◆ **WHAT IS REQUIRED**: Line by line, reproduce exactly the beginning of the listing below, ending with the line that contains "#114=IFCINDEXEDPOLYGONALFACE((35,36,40,39));" and adding nothing.

◆ **DATA**:
------------------------------------------------
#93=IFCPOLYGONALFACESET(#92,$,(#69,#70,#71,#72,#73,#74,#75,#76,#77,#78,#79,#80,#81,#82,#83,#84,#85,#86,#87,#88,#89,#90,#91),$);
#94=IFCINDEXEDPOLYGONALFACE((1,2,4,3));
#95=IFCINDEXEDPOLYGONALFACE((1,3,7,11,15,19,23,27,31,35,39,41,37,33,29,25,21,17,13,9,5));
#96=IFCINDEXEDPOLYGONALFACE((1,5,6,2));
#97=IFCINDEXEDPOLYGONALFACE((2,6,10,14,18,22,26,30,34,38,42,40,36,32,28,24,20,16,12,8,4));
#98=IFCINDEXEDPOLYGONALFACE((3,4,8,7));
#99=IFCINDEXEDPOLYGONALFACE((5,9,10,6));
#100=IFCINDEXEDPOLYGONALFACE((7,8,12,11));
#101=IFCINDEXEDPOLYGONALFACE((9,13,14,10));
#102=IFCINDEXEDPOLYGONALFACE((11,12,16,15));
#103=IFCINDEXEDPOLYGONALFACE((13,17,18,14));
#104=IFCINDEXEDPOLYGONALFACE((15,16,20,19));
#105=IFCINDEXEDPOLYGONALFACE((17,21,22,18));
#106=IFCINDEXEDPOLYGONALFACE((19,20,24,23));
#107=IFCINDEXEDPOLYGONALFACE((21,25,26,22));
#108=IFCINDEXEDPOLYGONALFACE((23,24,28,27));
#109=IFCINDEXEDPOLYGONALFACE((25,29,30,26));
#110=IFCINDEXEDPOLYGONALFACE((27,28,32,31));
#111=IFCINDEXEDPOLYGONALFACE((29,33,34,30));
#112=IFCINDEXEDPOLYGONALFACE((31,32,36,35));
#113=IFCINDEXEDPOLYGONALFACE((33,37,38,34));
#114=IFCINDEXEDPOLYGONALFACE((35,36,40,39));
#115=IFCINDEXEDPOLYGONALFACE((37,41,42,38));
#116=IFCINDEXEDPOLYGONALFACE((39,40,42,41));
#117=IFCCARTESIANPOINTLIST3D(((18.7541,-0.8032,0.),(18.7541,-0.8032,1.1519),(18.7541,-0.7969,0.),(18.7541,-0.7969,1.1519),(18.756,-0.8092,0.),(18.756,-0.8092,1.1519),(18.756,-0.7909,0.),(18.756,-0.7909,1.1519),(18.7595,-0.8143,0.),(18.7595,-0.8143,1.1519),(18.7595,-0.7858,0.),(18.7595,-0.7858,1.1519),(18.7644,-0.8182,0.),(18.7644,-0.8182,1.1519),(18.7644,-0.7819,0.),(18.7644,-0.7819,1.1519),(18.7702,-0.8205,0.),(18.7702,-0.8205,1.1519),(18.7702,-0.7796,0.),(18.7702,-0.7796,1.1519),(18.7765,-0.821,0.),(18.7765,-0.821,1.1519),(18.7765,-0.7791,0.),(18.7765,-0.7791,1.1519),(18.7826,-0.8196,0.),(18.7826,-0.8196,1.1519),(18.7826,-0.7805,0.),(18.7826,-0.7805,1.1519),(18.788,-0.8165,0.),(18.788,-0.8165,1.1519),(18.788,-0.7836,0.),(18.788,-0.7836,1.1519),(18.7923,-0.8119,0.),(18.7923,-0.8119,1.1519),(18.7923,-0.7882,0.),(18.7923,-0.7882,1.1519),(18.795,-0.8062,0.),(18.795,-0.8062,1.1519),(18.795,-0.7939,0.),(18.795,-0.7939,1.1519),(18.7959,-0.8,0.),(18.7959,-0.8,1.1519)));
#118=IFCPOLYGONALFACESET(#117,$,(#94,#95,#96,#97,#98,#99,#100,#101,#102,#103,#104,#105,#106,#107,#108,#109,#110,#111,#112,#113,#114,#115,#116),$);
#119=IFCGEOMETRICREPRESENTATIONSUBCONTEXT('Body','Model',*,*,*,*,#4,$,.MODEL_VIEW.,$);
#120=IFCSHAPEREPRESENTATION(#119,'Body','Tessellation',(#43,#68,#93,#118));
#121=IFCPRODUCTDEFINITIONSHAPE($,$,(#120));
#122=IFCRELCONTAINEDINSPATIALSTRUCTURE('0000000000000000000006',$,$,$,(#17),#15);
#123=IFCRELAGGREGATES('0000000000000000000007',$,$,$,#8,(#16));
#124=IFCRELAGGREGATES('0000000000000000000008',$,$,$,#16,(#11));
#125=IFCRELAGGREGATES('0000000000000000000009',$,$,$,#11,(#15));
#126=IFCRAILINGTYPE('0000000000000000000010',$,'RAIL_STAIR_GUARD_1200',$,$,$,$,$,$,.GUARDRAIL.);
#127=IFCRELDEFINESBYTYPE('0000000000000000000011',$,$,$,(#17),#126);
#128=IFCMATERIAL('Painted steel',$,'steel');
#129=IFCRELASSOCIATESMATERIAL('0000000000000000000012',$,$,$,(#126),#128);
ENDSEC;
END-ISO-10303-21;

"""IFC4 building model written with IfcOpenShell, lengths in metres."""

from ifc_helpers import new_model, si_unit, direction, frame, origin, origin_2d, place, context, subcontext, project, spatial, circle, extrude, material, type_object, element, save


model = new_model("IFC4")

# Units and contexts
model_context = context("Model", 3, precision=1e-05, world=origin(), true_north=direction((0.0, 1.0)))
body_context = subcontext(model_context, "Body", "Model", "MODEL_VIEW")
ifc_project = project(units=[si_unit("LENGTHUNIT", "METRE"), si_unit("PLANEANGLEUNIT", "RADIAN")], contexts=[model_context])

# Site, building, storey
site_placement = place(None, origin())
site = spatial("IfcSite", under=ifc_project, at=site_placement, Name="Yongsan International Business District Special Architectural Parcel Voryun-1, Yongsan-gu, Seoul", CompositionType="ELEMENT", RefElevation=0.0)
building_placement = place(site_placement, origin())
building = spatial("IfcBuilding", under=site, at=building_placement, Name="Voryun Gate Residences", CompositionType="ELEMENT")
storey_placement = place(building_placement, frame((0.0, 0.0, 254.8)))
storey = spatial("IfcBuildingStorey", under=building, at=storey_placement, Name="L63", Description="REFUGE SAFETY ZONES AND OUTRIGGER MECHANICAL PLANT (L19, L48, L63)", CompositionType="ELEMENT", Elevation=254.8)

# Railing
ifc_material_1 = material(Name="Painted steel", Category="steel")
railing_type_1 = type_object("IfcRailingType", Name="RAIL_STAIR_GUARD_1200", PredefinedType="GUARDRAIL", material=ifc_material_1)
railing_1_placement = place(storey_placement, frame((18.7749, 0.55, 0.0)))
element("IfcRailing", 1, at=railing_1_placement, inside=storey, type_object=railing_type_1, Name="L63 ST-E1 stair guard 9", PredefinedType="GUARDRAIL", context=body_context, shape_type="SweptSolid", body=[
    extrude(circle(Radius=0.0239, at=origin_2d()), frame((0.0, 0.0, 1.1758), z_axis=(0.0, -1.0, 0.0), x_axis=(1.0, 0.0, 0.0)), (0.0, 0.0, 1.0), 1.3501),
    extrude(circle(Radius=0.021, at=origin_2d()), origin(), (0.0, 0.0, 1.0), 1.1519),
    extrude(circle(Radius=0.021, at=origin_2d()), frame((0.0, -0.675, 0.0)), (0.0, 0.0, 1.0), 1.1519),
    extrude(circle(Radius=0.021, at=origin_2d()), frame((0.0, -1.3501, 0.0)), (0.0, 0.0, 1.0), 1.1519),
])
------------------------------------------------
◆ **SOLUTION**:
#93=IFCPOLYGONALFACESET(#92,$,(#69,#70,#71,#72,#73,#74,#75,#76,#77,#78,#79,#80,#81,#82,#83,#84,#85,#86,#87,#88,#89,#90,#91),$);
#94=IFCINDEXEDPOLYGONALFACE((1,2,4,3));
#95=IFCINDEXEDPOLYGONALFACE((1,3,7,11,15,19,23,27,31,35,39,41,37,33,29,25,21,17,13,9,5));
#96=IFCINDEXEDPOLYGONALFACE((1,5,6,2));
#97=IFCINDEXEDPOLYGONALFACE((2,6,10,14,18,22,26,30,34,38,42,40,36,32,28,24,20,16,12,8,4));
#98=IFCINDEXEDPOLYGONALFACE((3,4,8,7));
#99=IFCINDEXEDPOLYGONALFACE((5,9,10,6));
#100=IFCINDEXEDPOLYGONALFACE((7,8,12,11));
#101=IFCINDEXEDPOLYGONALFACE((9,13,14,10));
#102=IFCINDEXEDPOLYGONALFACE((11,12,16,15));
#103=IFCINDEXEDPOLYGONALFACE((13,17,18,14));
#104=IFCINDEXEDPOLYGONALFACE((15,16,20,19));
#105=IFCINDEXEDPOLYGONALFACE((17,21,22,18));
#106=IFCINDEXEDPOLYGONALFACE((19,20,24,23));
#107=IFCINDEXEDPOLYGONALFACE((21,25,26,22));
#108=IFCINDEXEDPOLYGONALFACE((23,24,28,27));
#109=IFCINDEXEDPOLYGONALFACE((25,29,30,26));
#110=IFCINDEXEDPOLYGONALFACE((27,28,32,31));
#111=IFCINDEXEDPOLYGONALFACE((29,33,34,30));
#112=IFCINDEXEDPOLYGONALFACE((31,32,36,35));
#113=IFCINDEXEDPOLYGONALFACE((33,37,38,34));
#114=IFCINDEXEDPOLYGONALFACE((35,36,40,39));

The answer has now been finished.